Input data ▸
-- Opening Marker --

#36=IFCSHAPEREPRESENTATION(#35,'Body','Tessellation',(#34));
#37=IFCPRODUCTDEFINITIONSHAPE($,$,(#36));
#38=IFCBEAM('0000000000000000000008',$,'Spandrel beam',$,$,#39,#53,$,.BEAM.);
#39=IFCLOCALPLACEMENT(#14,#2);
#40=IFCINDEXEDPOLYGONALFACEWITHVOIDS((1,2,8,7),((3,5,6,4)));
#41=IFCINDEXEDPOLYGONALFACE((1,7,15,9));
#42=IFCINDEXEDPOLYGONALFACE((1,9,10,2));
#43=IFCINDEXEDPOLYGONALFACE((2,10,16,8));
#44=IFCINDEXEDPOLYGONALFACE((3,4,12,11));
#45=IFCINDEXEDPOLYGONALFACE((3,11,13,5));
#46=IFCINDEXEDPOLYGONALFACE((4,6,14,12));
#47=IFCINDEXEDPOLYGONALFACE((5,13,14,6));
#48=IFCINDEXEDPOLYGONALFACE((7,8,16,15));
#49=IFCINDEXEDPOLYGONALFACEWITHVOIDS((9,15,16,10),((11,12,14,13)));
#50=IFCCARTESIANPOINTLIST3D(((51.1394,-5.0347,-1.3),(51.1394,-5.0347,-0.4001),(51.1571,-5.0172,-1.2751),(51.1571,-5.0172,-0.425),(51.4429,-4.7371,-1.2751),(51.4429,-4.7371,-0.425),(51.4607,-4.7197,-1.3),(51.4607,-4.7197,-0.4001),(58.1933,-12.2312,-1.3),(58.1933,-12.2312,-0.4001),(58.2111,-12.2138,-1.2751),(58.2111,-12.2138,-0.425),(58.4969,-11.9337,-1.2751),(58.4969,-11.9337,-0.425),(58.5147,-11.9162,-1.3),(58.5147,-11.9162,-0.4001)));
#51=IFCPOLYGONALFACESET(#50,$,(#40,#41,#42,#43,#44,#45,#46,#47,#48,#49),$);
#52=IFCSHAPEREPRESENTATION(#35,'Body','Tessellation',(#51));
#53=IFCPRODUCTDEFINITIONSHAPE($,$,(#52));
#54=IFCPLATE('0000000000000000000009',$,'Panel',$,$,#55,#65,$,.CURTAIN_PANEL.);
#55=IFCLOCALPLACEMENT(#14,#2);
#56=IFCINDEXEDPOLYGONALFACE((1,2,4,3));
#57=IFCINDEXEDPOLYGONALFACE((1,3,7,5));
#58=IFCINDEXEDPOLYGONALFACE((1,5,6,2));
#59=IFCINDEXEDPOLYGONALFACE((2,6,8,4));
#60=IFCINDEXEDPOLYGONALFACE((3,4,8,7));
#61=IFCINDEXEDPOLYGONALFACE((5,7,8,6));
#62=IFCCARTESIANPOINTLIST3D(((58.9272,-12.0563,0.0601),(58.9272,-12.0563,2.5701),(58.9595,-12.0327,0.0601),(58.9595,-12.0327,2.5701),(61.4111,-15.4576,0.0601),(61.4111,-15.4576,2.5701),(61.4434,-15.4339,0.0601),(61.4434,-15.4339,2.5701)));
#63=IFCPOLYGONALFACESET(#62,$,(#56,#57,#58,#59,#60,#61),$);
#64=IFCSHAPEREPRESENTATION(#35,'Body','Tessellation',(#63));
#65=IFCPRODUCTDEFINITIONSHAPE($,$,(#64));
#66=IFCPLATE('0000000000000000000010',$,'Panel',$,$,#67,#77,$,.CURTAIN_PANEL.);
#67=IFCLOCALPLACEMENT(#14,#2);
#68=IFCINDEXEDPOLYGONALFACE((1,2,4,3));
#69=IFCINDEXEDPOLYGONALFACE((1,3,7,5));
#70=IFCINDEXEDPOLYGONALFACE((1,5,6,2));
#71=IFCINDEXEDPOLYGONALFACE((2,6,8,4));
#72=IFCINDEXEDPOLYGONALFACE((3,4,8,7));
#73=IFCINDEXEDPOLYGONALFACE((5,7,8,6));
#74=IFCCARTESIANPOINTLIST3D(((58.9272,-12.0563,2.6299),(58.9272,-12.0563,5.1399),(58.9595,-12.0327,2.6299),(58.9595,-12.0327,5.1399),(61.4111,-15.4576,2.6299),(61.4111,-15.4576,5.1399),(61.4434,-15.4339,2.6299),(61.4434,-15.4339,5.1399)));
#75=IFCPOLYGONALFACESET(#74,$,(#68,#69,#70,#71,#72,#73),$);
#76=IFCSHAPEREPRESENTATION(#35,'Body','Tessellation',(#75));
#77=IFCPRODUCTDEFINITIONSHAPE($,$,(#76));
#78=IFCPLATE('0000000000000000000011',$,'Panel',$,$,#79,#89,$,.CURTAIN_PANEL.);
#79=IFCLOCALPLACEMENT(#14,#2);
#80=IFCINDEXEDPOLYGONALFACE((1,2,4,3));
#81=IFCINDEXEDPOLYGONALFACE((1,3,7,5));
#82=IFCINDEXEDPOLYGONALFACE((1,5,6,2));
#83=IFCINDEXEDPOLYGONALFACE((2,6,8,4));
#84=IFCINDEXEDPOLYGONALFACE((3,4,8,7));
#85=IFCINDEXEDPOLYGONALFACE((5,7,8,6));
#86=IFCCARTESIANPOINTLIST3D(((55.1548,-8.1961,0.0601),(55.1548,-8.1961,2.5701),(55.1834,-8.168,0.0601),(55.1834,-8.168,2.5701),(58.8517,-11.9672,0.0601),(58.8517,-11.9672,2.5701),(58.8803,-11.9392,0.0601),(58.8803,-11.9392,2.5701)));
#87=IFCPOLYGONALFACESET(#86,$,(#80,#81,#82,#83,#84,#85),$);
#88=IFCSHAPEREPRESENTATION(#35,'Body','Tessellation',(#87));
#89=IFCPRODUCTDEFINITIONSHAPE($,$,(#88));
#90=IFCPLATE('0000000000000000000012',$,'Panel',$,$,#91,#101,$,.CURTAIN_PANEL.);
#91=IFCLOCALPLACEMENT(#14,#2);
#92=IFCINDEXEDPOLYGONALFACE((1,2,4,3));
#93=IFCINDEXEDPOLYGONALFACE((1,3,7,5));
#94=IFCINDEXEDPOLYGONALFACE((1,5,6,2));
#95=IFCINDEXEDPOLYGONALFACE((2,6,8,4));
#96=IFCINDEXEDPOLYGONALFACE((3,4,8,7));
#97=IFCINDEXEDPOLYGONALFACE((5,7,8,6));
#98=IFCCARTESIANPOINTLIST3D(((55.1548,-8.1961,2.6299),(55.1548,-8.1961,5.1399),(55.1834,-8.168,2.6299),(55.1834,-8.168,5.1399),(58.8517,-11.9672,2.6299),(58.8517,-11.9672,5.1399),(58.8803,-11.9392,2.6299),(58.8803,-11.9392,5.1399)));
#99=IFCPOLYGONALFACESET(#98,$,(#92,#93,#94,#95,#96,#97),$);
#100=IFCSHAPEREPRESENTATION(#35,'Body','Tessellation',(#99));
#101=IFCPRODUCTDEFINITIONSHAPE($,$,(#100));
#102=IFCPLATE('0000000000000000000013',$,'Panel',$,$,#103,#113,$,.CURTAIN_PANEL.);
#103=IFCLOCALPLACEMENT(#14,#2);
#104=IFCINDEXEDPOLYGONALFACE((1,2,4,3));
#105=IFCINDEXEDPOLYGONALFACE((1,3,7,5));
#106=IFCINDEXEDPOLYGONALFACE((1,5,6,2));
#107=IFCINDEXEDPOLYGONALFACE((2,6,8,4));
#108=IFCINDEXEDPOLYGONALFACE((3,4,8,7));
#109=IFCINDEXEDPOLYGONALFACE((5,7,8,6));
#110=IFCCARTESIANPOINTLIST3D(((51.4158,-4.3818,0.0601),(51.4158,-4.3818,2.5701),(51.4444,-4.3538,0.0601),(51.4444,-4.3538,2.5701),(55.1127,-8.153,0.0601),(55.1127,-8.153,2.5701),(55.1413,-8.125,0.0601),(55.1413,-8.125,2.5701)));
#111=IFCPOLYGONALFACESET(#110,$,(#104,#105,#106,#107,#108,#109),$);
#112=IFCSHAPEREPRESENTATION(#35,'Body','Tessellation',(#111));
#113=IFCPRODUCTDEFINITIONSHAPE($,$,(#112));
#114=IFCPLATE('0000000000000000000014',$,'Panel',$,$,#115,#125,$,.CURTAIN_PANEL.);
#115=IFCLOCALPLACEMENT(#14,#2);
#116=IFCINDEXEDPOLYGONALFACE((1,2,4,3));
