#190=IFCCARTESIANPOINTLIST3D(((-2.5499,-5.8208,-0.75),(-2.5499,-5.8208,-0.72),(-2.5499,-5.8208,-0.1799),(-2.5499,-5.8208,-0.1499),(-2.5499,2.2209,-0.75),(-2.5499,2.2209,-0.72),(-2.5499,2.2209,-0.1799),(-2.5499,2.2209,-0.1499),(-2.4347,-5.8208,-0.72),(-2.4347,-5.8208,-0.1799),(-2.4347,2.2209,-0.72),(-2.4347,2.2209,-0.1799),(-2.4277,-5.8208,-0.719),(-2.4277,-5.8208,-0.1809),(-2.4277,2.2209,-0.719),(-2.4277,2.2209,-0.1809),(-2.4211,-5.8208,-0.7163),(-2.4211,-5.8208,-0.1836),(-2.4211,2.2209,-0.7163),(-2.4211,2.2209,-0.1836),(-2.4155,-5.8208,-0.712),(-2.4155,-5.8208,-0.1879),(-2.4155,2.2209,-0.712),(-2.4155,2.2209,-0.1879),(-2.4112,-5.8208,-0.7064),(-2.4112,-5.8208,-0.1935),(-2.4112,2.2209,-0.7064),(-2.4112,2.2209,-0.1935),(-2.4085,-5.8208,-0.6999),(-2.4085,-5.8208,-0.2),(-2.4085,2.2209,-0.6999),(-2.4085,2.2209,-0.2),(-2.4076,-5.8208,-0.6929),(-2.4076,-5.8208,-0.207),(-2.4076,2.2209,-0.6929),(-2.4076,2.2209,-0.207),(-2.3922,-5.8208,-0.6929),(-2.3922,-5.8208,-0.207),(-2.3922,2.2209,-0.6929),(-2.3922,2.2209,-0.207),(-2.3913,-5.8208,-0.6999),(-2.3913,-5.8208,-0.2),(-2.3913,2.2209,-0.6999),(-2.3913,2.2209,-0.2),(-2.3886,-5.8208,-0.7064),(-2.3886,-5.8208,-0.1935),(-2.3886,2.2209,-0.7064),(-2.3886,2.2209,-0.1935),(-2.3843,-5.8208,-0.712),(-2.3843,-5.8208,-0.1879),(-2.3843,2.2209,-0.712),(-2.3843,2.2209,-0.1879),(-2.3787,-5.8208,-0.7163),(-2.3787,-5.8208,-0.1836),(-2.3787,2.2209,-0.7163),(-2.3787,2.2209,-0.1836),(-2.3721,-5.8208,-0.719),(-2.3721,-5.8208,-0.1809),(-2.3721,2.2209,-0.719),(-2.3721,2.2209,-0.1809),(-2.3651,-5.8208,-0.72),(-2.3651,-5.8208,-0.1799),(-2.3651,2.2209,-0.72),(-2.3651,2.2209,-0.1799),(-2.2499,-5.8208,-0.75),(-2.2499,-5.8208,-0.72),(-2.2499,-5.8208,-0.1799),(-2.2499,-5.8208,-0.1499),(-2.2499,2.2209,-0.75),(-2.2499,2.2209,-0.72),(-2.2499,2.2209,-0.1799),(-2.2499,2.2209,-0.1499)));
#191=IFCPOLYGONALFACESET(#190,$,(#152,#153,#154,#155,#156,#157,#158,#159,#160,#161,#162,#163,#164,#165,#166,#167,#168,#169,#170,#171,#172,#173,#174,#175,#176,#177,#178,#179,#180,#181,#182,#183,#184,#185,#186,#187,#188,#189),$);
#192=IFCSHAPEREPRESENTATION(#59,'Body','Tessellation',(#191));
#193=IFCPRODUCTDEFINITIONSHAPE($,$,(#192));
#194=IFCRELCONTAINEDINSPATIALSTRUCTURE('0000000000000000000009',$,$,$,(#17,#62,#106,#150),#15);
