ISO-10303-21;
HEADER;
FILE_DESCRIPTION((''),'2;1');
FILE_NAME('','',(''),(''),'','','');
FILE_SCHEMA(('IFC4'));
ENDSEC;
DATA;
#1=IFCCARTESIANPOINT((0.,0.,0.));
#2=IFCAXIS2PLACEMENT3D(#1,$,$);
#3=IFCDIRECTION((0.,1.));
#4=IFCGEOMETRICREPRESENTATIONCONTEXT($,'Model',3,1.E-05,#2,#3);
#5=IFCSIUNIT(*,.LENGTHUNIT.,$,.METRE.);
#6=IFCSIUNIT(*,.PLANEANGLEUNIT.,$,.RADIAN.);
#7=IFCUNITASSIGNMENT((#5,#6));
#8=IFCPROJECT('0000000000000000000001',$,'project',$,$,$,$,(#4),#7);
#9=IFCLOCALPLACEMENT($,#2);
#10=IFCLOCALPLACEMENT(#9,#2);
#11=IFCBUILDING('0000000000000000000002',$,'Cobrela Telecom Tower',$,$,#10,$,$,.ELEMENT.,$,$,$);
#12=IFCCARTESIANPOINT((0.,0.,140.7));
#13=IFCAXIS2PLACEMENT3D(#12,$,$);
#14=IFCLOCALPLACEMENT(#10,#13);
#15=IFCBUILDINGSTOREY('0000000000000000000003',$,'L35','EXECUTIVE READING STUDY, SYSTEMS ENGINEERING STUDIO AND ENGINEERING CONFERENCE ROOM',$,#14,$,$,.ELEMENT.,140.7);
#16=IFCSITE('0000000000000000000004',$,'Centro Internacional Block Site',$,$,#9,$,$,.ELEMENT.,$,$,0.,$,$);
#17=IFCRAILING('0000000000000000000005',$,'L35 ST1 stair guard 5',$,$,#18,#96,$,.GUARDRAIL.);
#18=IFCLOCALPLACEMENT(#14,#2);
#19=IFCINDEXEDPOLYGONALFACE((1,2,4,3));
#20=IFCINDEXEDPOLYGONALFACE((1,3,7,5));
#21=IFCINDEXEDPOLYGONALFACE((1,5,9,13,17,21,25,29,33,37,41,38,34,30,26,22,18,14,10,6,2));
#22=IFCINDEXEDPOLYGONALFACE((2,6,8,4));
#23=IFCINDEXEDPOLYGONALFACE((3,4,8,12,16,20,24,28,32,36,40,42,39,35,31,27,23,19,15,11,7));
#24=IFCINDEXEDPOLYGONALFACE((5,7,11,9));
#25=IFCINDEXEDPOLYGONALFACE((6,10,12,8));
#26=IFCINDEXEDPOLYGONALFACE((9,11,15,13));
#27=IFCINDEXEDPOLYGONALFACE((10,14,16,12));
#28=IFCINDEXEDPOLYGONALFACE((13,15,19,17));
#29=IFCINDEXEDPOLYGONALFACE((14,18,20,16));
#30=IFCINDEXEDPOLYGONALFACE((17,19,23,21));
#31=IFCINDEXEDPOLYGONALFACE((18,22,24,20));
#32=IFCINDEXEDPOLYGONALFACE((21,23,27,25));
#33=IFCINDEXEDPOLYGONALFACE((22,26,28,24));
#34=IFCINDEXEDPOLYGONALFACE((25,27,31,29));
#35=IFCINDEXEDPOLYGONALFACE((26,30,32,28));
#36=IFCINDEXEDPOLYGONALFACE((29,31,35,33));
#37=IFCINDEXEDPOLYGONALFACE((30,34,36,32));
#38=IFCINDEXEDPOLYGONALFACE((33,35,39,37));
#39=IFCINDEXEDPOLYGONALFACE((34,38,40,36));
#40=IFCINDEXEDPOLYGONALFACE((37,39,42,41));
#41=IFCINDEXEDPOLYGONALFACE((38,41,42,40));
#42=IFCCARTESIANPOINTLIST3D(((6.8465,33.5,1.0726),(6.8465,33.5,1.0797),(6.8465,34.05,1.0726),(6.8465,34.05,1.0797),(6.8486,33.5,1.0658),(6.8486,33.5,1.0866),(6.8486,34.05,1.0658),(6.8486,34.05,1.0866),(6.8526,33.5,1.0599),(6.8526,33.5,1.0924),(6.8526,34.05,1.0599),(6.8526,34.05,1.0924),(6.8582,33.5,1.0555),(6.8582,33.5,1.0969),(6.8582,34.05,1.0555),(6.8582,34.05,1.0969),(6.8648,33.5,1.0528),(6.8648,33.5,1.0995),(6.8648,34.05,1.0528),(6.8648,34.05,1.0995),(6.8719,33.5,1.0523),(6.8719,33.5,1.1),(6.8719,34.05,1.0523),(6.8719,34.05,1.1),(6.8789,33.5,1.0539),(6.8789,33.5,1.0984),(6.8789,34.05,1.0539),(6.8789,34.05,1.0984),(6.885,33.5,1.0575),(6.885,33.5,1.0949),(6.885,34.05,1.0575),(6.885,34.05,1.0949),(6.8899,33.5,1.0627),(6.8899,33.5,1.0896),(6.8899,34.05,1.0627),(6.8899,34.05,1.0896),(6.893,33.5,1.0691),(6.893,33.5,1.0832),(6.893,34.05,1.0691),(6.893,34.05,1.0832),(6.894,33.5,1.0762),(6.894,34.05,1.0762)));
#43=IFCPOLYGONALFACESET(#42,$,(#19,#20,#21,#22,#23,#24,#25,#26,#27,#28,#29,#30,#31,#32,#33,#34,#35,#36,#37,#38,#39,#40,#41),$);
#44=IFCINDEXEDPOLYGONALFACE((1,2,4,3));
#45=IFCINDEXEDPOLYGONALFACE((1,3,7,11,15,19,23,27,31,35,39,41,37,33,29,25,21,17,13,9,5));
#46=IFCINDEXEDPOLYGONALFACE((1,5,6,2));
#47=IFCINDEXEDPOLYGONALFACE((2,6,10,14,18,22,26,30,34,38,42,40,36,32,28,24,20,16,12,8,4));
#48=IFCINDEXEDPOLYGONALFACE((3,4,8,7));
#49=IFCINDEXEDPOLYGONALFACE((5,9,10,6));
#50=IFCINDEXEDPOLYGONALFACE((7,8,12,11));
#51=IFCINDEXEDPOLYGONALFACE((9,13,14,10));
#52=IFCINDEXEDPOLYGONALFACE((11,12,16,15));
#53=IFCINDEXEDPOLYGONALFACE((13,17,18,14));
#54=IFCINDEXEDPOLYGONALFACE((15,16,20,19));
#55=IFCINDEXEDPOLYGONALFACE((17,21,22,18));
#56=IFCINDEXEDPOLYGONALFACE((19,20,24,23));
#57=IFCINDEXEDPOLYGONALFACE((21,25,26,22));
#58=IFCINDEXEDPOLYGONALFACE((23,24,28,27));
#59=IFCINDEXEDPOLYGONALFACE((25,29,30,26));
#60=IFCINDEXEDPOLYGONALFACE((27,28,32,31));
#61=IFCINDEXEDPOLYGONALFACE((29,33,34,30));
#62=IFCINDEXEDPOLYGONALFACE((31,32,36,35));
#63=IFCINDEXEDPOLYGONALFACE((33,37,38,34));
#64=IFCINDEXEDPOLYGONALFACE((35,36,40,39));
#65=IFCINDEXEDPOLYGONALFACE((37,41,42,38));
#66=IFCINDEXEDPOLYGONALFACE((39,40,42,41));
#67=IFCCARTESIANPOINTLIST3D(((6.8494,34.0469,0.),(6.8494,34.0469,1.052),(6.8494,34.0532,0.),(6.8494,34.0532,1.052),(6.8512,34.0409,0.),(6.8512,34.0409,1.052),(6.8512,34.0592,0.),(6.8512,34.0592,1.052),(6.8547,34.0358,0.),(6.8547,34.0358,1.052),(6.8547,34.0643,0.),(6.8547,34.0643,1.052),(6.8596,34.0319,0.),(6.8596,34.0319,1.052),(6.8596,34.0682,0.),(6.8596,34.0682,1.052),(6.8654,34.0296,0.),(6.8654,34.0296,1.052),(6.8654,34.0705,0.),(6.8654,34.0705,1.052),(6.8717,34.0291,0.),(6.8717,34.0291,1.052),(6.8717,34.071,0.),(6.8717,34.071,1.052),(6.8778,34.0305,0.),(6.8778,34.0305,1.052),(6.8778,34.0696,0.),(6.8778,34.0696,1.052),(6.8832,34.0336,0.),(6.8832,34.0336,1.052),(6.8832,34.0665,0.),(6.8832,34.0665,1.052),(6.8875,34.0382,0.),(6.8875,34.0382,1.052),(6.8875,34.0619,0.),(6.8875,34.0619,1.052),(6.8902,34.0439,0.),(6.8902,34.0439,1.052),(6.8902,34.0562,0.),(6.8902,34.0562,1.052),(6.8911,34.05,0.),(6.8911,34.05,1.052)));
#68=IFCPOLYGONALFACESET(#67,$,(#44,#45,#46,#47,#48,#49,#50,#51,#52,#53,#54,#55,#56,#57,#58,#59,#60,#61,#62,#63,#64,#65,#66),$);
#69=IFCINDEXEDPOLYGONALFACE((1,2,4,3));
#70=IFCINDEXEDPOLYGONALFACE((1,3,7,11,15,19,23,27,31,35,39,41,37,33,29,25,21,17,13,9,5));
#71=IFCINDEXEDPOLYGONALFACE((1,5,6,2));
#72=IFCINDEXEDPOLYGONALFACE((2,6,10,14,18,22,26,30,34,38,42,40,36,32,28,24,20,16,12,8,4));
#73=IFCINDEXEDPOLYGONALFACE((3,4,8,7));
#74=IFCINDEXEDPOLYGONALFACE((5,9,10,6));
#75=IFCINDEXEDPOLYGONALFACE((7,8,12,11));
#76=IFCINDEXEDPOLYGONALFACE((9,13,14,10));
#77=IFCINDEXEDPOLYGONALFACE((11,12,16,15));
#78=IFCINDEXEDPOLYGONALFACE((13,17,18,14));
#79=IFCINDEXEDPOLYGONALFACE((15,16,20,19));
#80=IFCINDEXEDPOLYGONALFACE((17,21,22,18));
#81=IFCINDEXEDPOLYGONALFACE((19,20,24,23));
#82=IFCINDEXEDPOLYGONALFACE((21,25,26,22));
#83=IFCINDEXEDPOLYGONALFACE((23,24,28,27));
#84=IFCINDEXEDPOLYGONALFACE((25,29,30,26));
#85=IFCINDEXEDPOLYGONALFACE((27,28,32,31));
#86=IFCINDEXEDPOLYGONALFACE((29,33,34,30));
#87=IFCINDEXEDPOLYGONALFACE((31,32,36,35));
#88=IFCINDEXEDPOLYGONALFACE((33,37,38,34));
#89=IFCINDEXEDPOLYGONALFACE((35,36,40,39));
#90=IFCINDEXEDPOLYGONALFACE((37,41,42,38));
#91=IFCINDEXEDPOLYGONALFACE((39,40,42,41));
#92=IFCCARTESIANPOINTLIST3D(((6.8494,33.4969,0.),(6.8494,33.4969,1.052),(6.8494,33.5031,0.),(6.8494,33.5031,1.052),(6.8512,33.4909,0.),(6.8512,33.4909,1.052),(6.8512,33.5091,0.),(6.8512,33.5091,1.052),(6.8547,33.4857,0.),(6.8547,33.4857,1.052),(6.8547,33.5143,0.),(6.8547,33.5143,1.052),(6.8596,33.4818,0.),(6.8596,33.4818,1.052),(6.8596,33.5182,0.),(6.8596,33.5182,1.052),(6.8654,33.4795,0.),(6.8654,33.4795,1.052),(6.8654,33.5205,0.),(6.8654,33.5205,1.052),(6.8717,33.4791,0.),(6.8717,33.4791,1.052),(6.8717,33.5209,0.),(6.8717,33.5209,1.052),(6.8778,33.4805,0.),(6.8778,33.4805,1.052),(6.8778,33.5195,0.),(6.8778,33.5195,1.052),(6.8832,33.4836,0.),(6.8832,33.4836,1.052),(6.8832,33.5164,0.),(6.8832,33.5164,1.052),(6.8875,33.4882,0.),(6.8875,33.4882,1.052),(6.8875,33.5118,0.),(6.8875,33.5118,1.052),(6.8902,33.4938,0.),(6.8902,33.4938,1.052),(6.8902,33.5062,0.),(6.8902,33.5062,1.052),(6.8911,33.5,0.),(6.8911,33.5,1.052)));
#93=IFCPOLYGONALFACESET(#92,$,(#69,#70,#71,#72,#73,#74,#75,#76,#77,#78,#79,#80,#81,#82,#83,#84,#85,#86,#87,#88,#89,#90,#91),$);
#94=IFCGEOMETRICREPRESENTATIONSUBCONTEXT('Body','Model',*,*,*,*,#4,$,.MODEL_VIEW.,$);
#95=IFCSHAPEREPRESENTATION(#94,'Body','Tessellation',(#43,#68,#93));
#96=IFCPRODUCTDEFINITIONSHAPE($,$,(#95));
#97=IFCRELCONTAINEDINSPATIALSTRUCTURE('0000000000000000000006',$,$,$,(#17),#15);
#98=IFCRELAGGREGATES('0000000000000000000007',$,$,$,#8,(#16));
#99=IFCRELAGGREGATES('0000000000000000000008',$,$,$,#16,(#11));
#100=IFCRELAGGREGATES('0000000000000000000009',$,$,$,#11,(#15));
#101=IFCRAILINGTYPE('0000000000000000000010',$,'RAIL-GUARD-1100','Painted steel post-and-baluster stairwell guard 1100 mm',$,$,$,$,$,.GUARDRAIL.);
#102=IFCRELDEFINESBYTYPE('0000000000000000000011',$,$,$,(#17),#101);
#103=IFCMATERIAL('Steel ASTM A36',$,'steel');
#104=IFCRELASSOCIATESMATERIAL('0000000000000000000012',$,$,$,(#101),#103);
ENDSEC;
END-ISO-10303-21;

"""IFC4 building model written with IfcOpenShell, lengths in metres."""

from ifc_helpers import new_model, si_unit, direction, frame, origin, origin_2d, place, context, subcontext, project, spatial, circle, extrude, material, type_object, element, save


model = new_model("IFC4")

# Units and contexts
model_context = context("Model", 3, precision=1e-05, world=origin(), true_north=direction((0.0, 1.0)))
body_context = subcontext(model_context, "Body", "Model", "MODEL_VIEW")
ifc_project = project(units=[si_unit("LENGTHUNIT", "METRE"), si_unit("PLANEANGLEUNIT", "RADIAN")], contexts=[model_context])

# Site, building, storey
site_placement = place(None, origin())
site = spatial("IfcSite", under=ifc_project, at=site_placement, Name="Centro Internacional Block Site", CompositionType="ELEMENT", RefElevation=0.0)
building_placement = place(site_placement, origin())
building = spatial("IfcBuilding", under=site, at=building_placement, Name="Cobrela Telecom Tower", CompositionType="ELEMENT")
storey_placement = place(building_placement, frame((0.0, 0.0, 140.7)))
storey = spatial("IfcBuildingStorey", under=building, at=storey_placement, Name="L35", Description="EXECUTIVE READING STUDY, SYSTEMS ENGINEERING STUDIO AND ENGINEERING CONFERENCE ROOM", CompositionType="ELEMENT", Elevation=140.7)

# Shared definitions
ifc_material_1 = material(Name="Steel ASTM A36", Category="steel")

# Railing
railing_type_1 = type_object("IfcRailingType", Name="RAIL-GUARD-1100", Description="Painted steel post-and-baluster stairwell guard 1100 mm", PredefinedType="GUARDRAIL", material=ifc_material_1)
railing_1_placement = place(storey_placement, frame((6.8701, 34.05, 0.0)))
element("IfcRailing", 1, at=railing_1_placement, inside=storey, type_object=railing_type_1, Name="L35 ST1 stair guard 5", PredefinedType="GUARDRAIL", context=body_context, shape_type="SweptSolid", body=[
    extrude(circle(Radius=0.0239, at=origin_2d()), frame((0.0, 0.0, 1.0762), z_axis=(0.0, -1.0, 0.0), x_axis=(1.0, 0.0, 0.0)), (0.0, 0.0, 1.0), 0.55),
    extrude(circle(Radius=0.021, at=origin_2d()), origin(), (0.0, 0.0, 1.0), 1.052),
    extrude(circle(Radius=0.021, at=origin_2d()), frame((0.0, -0.55, 0.0)), (0.0, 0.0, 1.0), 1.052),
])

save(model, "model.ifc")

-- Closing Marker --

Assignment ▸ Please copy every line of the records above in which "IFCSIUNIT" appears.

Task response ▸
#5=IFCSIUNIT(*,.LENGTHUNIT.,$,.METRE.);
#6=IFCSIUNIT(*,.PLANEANGLEUNIT.,$,.RADIAN.);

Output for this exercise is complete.